### [Requirement]
Exactly the lines from the first line of the listing through the line containing "#185=IFCINDEXEDPOLYGONALFACE((27,28,32,31));" should appear in the output, unchanged.

§

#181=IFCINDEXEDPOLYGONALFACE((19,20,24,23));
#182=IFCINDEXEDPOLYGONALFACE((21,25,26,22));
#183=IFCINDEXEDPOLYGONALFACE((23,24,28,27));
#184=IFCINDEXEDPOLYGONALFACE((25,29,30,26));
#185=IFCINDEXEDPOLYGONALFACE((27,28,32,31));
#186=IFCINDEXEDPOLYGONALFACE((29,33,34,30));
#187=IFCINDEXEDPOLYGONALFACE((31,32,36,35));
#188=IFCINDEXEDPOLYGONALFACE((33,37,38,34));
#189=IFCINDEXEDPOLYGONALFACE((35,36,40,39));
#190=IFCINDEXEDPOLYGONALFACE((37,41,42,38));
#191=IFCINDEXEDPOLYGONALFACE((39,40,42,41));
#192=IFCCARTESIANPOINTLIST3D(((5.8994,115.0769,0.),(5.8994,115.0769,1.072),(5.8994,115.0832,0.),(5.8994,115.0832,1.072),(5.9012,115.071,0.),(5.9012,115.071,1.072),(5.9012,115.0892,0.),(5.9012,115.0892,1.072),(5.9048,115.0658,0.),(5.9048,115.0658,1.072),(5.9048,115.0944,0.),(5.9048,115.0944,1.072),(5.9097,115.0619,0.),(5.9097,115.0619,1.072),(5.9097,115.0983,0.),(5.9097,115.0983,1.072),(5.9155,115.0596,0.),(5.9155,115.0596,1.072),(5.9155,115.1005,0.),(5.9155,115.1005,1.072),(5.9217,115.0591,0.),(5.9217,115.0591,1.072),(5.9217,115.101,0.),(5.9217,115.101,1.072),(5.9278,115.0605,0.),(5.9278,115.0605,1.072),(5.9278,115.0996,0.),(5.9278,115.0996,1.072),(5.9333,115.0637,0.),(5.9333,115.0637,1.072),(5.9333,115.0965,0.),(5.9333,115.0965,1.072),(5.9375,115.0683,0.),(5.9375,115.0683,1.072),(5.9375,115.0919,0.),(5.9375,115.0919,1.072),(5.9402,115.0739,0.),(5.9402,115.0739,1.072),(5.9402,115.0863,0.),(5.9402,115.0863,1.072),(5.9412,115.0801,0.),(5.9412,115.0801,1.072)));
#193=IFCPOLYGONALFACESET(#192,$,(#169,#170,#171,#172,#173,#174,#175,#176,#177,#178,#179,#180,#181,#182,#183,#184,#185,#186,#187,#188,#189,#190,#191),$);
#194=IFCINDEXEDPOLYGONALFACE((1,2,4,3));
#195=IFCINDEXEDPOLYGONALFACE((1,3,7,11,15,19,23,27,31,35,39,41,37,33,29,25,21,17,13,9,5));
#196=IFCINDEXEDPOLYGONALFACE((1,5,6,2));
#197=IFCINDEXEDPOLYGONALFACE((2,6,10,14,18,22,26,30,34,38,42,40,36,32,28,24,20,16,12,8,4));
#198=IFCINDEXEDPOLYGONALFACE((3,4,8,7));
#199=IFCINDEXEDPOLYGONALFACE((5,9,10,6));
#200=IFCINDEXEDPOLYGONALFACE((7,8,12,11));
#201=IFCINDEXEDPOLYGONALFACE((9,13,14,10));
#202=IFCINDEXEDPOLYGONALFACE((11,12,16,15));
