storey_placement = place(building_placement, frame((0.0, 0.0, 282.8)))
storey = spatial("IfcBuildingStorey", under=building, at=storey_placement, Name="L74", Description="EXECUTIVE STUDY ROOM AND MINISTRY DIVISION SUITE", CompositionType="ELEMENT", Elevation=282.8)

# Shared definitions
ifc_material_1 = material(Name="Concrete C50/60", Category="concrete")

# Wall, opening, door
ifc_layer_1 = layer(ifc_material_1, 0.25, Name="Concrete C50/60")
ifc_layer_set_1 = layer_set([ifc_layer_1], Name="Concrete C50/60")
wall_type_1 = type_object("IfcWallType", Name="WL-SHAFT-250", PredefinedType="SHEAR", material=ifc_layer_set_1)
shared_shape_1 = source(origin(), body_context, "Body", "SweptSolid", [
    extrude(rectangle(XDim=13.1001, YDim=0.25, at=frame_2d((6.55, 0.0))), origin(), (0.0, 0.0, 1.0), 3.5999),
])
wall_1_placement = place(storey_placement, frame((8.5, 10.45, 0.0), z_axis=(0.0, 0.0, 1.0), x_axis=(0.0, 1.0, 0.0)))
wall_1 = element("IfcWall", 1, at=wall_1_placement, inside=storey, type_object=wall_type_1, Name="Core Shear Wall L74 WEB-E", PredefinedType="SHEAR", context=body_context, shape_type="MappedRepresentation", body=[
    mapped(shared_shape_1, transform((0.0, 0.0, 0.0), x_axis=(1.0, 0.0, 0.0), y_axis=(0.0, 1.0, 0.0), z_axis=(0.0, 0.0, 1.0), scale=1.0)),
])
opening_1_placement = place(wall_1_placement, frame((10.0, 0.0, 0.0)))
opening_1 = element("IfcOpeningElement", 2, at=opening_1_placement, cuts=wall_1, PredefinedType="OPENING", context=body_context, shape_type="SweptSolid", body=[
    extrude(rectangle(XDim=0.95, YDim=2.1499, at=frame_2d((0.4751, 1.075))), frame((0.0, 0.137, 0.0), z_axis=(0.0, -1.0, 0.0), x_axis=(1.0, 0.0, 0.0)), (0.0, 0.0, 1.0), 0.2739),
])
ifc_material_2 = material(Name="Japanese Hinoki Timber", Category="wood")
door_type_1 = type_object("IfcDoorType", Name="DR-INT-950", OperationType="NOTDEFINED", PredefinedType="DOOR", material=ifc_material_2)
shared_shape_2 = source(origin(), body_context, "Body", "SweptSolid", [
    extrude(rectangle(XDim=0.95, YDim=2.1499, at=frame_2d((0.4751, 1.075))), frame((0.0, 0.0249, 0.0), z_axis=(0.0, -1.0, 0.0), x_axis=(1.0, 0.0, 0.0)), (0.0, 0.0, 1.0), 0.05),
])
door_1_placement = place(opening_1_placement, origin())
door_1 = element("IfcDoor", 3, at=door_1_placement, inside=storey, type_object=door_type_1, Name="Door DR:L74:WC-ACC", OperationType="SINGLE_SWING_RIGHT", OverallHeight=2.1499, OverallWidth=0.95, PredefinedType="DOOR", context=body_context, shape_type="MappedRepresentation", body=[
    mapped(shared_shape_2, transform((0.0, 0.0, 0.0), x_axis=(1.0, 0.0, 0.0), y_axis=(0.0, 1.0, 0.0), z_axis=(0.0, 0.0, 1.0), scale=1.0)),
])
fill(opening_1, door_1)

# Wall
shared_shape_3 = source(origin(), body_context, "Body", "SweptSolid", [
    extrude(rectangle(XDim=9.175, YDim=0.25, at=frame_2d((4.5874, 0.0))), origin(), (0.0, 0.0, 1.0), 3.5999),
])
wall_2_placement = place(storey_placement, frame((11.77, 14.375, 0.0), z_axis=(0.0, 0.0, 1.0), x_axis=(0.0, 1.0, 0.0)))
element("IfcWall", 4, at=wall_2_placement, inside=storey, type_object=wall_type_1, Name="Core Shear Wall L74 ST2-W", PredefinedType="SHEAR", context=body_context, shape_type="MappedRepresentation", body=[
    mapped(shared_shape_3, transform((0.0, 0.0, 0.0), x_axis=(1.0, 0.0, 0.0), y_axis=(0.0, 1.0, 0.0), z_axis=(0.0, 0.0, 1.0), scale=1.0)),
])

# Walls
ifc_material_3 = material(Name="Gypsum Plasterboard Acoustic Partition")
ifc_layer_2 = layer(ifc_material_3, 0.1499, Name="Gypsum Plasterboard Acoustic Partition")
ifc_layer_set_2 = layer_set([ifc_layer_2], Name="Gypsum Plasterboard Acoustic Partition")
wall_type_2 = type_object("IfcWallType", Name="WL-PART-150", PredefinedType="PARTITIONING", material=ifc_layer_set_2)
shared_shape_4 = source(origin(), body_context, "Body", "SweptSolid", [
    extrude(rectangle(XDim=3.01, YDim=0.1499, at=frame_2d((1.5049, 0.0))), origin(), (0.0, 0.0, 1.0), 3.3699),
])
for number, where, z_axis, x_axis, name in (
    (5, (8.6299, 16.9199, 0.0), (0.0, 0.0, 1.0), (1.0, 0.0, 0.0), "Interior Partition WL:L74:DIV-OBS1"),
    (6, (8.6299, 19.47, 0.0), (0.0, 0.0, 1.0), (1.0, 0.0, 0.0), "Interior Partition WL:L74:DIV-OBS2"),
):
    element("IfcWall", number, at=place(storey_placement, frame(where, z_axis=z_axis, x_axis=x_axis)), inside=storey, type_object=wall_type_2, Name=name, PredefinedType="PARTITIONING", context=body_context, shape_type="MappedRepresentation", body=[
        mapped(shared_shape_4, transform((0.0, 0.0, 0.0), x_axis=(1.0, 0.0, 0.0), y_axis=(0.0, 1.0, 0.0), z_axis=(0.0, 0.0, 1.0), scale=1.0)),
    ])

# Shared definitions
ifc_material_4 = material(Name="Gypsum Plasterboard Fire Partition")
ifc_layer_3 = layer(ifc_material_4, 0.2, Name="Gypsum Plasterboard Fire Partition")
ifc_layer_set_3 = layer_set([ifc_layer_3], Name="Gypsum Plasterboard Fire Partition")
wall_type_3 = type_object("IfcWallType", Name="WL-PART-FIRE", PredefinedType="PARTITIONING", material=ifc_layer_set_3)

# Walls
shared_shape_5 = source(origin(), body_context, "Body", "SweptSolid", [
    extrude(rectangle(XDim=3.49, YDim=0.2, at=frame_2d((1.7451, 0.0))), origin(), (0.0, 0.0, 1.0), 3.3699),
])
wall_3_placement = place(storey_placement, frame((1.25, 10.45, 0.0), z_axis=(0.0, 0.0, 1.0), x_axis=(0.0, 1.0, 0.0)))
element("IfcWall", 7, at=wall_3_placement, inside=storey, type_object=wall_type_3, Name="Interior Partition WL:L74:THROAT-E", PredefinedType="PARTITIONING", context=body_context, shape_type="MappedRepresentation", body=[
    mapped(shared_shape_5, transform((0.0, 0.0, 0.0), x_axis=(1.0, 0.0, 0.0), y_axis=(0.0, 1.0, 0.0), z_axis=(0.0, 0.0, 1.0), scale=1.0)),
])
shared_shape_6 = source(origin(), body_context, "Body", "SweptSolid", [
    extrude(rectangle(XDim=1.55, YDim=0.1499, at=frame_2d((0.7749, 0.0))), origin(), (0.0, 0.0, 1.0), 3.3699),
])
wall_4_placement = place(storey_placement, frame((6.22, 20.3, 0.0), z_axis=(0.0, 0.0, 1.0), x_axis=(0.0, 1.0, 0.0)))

§

### [Response below]
#181=IFCINDEXEDPOLYGONALFACE((19,20,24,23));
#182=IFCINDEXEDPOLYGONALFACE((21,25,26,22));
#183=IFCINDEXEDPOLYGONALFACE((23,24,28,27));
#184=IFCINDEXEDPOLYGONALFACE((25,29,30,26));
#185=IFCINDEXEDPOLYGONALFACE((27,28,32,31));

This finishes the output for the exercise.